(Collected data)
_____

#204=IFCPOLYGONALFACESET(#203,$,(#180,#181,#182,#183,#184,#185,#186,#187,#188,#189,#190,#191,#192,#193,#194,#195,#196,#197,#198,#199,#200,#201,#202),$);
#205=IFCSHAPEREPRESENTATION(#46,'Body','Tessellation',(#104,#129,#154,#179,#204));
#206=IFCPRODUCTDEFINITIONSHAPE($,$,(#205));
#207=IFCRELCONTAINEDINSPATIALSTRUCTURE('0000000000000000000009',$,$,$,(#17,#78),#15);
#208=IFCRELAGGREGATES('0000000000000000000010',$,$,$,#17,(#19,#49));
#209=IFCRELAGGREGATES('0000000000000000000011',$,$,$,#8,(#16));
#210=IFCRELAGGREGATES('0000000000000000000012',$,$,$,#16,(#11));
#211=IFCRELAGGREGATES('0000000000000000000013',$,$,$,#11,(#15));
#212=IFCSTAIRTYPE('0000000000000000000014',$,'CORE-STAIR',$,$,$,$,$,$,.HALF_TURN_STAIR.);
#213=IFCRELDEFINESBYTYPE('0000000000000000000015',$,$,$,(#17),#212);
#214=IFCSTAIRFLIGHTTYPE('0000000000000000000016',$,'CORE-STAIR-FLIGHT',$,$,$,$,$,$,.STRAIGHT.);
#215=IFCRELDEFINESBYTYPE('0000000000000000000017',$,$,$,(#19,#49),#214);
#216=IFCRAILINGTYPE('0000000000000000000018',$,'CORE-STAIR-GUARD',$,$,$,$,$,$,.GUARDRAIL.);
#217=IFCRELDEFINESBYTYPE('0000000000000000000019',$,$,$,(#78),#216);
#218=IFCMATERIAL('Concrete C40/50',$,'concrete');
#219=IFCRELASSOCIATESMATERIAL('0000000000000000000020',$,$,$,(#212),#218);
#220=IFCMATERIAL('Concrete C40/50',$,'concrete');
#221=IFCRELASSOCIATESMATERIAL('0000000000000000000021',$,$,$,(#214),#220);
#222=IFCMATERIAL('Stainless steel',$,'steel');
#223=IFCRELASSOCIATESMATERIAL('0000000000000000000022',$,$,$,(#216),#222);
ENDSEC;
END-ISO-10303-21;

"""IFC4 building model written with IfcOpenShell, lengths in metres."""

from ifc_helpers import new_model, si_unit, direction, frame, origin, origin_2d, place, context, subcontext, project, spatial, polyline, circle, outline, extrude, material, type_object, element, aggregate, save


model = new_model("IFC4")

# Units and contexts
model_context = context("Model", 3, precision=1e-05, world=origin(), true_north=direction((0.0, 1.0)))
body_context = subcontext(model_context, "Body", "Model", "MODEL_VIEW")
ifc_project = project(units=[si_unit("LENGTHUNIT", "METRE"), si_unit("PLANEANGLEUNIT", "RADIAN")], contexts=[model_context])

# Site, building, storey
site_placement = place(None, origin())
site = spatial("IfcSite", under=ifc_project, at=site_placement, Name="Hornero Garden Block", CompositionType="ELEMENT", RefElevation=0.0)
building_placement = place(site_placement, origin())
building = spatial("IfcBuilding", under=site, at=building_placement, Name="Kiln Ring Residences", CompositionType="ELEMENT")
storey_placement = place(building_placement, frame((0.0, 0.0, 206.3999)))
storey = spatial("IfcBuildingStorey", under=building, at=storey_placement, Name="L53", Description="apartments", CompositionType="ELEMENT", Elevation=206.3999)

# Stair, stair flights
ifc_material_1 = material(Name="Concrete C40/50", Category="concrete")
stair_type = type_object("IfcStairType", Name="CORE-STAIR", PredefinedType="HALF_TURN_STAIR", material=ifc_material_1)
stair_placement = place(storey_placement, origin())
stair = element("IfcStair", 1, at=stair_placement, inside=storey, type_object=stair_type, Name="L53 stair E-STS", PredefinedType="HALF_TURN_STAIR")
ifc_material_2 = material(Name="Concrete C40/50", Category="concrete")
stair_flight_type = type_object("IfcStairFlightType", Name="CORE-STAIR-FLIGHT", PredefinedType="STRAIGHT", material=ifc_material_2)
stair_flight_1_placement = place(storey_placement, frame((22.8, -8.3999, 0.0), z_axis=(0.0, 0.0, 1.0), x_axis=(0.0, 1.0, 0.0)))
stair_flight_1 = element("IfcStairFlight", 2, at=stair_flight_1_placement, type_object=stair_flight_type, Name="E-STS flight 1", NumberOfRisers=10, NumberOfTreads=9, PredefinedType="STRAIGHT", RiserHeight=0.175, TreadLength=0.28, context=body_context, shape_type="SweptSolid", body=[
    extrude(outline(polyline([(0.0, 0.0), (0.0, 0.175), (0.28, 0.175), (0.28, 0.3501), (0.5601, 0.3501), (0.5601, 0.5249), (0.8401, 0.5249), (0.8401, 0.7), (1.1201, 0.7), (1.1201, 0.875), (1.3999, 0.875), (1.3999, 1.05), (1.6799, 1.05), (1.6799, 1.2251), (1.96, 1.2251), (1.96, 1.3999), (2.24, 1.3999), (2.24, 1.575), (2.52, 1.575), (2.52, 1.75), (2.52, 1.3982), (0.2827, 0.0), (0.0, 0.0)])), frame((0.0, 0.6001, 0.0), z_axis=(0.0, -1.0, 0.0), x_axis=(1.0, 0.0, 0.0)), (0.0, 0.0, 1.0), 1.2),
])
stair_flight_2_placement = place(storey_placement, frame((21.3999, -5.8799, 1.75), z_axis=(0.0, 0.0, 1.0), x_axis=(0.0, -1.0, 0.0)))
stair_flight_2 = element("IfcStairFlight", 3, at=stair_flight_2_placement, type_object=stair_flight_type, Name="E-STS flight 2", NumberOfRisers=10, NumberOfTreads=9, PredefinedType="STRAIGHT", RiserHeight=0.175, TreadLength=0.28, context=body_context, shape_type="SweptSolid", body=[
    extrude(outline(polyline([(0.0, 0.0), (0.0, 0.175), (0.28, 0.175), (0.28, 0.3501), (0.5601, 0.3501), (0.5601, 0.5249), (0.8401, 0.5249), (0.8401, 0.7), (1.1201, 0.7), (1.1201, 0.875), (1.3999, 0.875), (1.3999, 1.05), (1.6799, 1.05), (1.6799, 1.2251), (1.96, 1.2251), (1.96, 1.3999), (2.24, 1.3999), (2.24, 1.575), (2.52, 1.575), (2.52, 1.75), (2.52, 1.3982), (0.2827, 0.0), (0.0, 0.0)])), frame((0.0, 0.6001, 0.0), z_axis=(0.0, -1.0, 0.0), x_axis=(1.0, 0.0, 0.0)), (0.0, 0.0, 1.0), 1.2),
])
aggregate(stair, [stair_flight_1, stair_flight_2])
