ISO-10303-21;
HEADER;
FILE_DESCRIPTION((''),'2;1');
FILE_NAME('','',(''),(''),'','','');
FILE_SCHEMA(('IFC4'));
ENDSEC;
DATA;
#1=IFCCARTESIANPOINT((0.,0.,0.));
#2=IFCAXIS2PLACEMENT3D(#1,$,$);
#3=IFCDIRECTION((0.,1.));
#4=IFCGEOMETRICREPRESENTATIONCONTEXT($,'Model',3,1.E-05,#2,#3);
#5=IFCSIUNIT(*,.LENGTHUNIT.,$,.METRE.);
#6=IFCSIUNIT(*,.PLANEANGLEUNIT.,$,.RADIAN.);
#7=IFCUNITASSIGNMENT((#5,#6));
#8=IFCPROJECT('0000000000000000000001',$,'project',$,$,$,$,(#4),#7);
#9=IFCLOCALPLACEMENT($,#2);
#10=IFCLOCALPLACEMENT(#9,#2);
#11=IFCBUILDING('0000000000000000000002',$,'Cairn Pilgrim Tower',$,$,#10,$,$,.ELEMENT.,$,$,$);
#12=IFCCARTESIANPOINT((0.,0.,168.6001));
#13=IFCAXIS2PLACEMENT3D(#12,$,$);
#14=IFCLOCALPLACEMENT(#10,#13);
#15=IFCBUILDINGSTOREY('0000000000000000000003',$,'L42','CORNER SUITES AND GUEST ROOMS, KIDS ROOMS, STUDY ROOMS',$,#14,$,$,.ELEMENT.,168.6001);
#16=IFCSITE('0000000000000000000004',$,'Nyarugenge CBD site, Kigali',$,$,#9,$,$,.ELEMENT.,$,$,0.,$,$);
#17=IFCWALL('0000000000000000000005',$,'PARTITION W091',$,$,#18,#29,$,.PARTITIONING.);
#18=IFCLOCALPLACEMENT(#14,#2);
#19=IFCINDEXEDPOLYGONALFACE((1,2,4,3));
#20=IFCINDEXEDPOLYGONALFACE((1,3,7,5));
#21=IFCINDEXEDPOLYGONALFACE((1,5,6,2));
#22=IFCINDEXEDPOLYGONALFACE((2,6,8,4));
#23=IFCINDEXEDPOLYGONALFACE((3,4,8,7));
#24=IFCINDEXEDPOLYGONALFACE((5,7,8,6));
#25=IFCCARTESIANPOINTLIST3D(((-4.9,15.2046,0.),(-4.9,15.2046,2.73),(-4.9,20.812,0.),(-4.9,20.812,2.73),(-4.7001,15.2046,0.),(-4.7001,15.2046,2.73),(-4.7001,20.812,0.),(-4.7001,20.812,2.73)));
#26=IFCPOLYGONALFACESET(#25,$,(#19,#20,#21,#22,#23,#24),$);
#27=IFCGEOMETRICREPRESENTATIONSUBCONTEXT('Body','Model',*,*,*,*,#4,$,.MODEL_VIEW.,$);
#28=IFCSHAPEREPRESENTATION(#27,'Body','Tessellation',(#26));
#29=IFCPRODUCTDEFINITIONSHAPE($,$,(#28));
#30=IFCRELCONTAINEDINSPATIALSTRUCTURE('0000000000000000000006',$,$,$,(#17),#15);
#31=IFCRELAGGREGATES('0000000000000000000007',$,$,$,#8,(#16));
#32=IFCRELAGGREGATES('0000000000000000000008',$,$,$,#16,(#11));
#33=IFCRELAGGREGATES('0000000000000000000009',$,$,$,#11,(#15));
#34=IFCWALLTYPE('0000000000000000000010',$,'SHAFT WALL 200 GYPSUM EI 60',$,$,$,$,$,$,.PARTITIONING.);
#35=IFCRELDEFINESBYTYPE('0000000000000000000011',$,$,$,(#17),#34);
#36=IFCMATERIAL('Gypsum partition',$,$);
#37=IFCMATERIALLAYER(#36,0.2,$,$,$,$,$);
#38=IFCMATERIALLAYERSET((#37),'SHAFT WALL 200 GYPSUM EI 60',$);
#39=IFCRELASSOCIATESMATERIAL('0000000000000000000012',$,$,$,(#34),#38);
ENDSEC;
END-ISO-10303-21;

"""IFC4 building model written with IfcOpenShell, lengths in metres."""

from ifc_helpers import new_model, si_unit, direction, frame, frame_2d, origin, place, context, subcontext, project, spatial, rectangle, extrude, material, layer, layer_set, type_object, element, save


model = new_model("IFC4")

# Units and contexts
model_context = context("Model", 3, precision=1e-05, world=origin(), true_north=direction((0.0, 1.0)))
body_context = subcontext(model_context, "Body", "Model", "MODEL_VIEW")
ifc_project = project(units=[si_unit("LENGTHUNIT", "METRE"), si_unit("PLANEANGLEUNIT", "RADIAN")], contexts=[model_context])

# Site, building, storey
site_placement = place(None, origin())
site = spatial("IfcSite", under=ifc_project, at=site_placement, Name="Nyarugenge CBD site, Kigali", CompositionType="ELEMENT", RefElevation=0.0)
building_placement = place(site_placement, origin())
building = spatial("IfcBuilding", under=site, at=building_placement, Name="Cairn Pilgrim Tower", CompositionType="ELEMENT")
storey_placement = place(building_placement, frame((0.0, 0.0, 168.6001)))
storey = spatial("IfcBuildingStorey", under=building, at=storey_placement, Name="L42", Description="CORNER SUITES AND GUEST ROOMS, KIDS ROOMS, STUDY ROOMS", CompositionType="ELEMENT", Elevation=168.6001)

# Shared definitions
ifc_material_1 = material(Name="Gypsum partition")

# Wall
ifc_layer_1 = layer(ifc_material_1, 0.2)
ifc_layer_set_1 = layer_set([ifc_layer_1], Name="SHAFT WALL 200 GYPSUM EI 60")
wall_type_1 = type_object("IfcWallType", Name="SHAFT WALL 200 GYPSUM EI 60", PredefinedType="PARTITIONING", material=ifc_layer_set_1)
wall_1_placement = place(storey_placement, frame((-4.8, 15.2046, 0.0), z_axis=(0.0, 0.0, 1.0), x_axis=(0.0, 1.0, 0.0)))
element("IfcWall", 1, at=wall_1_placement, inside=storey, type_object=wall_type_1, Name="PARTITION W091", PredefinedType="PARTITIONING", context=body_context, shape_type="SweptSolid", body=[
    extrude(rectangle(XDim=5.6074, YDim=0.2, at=frame_2d((2.8037, 0.0))), origin(), (0.0, 0.0, 1.0), 2.73),
])

save(model, "model.ifc")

_____

# ASSIGNMENT
The answer must be every line of the records that holds the string "IFCRELCONTAINEDINSPATIALSTRUCTURE".

# ANSWER SECTION
#207=IFCRELCONTAINEDINSPATIALSTRUCTURE('0000000000000000000009',$,$,$,(#17,#78),#15);
#30=IFCRELCONTAINEDINSPATIALSTRUCTURE('0000000000000000000006',$,$,$,(#17),#15);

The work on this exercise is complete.